Extracted data entries:
'''
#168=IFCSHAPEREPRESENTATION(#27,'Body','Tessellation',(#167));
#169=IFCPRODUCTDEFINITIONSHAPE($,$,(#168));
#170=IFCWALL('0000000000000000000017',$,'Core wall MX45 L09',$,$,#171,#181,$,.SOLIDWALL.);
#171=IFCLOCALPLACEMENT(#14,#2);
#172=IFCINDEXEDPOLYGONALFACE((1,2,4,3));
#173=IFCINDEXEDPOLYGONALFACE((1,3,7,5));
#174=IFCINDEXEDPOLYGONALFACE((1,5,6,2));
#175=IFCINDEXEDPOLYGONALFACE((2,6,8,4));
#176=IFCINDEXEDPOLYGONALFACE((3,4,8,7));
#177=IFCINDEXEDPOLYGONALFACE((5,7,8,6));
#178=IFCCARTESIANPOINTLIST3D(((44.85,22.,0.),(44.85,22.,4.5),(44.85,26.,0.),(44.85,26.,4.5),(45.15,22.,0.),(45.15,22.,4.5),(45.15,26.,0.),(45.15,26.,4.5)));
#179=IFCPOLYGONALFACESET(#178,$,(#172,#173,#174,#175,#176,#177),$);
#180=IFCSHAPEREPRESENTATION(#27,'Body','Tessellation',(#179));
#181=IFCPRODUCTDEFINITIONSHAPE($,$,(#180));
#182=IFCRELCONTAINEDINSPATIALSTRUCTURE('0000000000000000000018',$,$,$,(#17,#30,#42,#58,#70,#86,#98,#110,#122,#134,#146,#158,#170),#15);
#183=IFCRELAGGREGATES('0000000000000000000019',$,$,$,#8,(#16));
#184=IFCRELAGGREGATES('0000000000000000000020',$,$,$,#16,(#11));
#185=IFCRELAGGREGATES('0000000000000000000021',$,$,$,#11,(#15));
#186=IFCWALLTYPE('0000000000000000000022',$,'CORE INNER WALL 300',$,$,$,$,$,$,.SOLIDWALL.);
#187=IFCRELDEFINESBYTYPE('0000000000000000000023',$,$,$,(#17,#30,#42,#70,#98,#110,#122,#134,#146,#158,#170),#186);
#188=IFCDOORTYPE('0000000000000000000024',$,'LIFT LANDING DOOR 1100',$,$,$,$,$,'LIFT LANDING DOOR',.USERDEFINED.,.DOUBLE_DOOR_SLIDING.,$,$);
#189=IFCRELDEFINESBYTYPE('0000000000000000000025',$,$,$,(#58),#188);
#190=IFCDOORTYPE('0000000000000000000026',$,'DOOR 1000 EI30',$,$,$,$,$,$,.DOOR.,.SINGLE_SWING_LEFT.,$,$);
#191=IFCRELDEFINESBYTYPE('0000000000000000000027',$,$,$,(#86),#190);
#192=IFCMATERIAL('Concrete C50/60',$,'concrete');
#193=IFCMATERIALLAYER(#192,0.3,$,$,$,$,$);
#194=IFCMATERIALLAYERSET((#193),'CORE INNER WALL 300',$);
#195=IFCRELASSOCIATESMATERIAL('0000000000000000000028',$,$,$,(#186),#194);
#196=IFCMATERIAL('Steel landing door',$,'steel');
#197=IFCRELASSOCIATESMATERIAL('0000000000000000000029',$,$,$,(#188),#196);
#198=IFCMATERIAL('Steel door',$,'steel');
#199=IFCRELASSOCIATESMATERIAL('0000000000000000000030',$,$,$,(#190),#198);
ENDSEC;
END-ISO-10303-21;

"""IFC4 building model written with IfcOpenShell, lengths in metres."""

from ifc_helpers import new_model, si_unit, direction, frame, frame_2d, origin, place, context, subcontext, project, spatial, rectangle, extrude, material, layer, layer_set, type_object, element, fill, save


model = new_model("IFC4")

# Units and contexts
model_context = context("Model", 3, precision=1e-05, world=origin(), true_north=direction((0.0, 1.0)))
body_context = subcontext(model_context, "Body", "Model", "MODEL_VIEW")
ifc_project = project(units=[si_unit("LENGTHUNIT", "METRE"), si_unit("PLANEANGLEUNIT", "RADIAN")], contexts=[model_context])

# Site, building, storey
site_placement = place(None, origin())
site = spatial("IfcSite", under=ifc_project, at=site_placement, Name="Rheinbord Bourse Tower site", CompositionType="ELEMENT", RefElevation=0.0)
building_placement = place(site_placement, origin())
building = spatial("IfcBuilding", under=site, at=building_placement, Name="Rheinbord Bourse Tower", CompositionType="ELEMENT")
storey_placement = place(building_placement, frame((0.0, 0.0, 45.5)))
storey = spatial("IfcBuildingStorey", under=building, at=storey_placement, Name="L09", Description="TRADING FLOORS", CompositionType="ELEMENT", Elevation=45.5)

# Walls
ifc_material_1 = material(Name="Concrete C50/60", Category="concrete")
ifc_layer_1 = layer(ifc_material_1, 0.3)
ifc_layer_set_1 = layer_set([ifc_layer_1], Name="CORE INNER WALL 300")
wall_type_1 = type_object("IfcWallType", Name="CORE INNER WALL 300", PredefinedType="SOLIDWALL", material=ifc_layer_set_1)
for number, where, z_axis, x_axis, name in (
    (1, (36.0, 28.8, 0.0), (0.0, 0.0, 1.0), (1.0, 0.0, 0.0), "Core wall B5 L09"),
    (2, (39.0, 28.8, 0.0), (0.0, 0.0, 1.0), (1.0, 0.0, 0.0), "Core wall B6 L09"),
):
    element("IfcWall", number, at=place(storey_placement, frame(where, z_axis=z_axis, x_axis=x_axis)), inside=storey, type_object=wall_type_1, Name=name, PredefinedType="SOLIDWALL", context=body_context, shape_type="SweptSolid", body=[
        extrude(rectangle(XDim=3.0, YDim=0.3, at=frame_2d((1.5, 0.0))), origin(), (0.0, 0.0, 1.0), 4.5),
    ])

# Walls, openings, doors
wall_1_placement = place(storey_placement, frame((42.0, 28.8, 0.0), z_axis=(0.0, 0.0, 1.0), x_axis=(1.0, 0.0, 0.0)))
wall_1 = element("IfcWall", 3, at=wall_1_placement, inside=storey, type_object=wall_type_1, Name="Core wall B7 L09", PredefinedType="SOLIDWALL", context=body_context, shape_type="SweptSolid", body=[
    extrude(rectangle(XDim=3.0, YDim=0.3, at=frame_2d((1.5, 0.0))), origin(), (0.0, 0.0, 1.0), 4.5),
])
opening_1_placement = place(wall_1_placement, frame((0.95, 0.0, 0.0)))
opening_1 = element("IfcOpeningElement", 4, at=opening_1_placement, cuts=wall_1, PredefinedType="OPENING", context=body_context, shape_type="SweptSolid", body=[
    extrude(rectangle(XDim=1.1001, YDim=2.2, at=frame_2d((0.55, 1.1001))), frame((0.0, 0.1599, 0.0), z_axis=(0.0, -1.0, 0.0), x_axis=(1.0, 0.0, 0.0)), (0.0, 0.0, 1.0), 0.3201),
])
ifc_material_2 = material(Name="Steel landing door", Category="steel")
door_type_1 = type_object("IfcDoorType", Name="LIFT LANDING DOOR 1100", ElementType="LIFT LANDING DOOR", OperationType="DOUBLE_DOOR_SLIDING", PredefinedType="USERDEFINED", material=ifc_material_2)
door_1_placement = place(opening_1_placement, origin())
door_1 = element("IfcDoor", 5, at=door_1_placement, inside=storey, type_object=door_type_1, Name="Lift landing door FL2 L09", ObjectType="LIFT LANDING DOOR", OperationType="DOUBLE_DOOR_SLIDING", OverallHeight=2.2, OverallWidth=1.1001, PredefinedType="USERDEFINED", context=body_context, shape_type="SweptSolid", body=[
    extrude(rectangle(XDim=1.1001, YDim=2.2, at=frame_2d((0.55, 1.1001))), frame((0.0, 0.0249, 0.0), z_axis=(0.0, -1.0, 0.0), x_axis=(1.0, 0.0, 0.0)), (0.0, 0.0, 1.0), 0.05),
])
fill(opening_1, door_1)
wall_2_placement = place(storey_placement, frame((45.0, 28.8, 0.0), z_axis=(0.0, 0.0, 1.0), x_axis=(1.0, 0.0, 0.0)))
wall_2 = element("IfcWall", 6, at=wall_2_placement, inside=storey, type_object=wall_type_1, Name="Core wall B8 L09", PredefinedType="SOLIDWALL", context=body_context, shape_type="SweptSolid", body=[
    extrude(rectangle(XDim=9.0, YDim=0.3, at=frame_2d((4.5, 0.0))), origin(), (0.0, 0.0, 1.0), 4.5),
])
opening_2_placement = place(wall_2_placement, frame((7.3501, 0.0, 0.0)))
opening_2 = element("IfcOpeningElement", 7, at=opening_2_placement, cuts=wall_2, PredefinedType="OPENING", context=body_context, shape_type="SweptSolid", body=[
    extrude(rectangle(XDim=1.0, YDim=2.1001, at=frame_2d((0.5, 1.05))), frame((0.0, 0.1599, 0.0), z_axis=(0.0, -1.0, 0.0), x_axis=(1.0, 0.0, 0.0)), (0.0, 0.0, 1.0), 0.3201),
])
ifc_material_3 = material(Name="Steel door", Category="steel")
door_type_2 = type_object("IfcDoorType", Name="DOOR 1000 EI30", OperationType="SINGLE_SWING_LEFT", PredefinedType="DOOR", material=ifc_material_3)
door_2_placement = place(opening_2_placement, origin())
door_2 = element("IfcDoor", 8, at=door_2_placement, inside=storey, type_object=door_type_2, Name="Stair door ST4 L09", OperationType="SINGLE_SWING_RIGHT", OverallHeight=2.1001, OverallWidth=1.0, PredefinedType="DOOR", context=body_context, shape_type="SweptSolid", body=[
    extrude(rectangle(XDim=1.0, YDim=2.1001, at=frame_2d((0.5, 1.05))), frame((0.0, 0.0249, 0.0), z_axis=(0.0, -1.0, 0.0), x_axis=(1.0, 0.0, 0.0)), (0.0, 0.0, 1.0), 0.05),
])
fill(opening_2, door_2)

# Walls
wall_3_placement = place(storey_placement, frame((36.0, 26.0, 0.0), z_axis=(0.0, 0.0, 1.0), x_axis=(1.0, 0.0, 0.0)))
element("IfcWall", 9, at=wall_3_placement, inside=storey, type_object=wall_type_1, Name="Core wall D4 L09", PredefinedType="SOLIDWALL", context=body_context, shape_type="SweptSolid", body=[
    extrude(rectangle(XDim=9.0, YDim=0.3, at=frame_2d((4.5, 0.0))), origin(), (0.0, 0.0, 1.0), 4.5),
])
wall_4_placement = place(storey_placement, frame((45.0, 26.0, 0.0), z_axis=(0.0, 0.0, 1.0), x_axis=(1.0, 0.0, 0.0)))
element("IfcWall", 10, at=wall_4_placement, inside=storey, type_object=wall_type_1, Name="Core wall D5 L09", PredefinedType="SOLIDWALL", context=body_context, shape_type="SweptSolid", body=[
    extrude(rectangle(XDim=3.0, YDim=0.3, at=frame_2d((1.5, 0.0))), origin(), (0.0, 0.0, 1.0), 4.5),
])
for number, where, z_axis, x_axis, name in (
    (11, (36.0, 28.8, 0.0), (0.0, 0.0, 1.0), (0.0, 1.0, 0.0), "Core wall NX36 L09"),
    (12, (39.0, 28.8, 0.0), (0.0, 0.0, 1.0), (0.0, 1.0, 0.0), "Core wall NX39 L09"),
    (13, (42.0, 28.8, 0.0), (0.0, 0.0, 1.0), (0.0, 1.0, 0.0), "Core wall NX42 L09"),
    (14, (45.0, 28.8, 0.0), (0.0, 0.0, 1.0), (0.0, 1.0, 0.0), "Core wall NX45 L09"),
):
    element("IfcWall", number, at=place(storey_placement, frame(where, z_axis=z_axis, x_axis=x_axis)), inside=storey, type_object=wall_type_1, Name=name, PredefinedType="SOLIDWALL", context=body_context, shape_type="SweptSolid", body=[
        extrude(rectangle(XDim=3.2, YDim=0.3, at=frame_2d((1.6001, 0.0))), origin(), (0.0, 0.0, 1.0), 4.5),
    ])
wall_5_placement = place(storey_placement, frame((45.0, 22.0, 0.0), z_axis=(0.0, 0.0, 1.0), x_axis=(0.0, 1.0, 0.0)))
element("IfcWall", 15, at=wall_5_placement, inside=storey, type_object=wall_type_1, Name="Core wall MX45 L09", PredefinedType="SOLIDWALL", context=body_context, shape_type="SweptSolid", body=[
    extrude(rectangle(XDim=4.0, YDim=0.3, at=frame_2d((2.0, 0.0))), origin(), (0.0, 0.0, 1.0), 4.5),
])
'''
#### WHAT YOU SHOULD DO
Write down every line of the data above that includes the string "INNER".

#### TASK RESULT
#186=IFCWALLTYPE('0000000000000000000022',$,'CORE INNER WALL 300',$,$,$,$,$,$,.SOLIDWALL.);
#194=IFCMATERIALLAYERSET((#193),'CORE INNER WALL 300',$);
ifc_layer_set_1 = layer_set([ifc_layer_1], Name="CORE INNER WALL 300")
wall_type_1 = type_object("IfcWallType", Name="CORE INNER WALL 300", PredefinedType="SOLIDWALL", material=ifc_layer_set_1)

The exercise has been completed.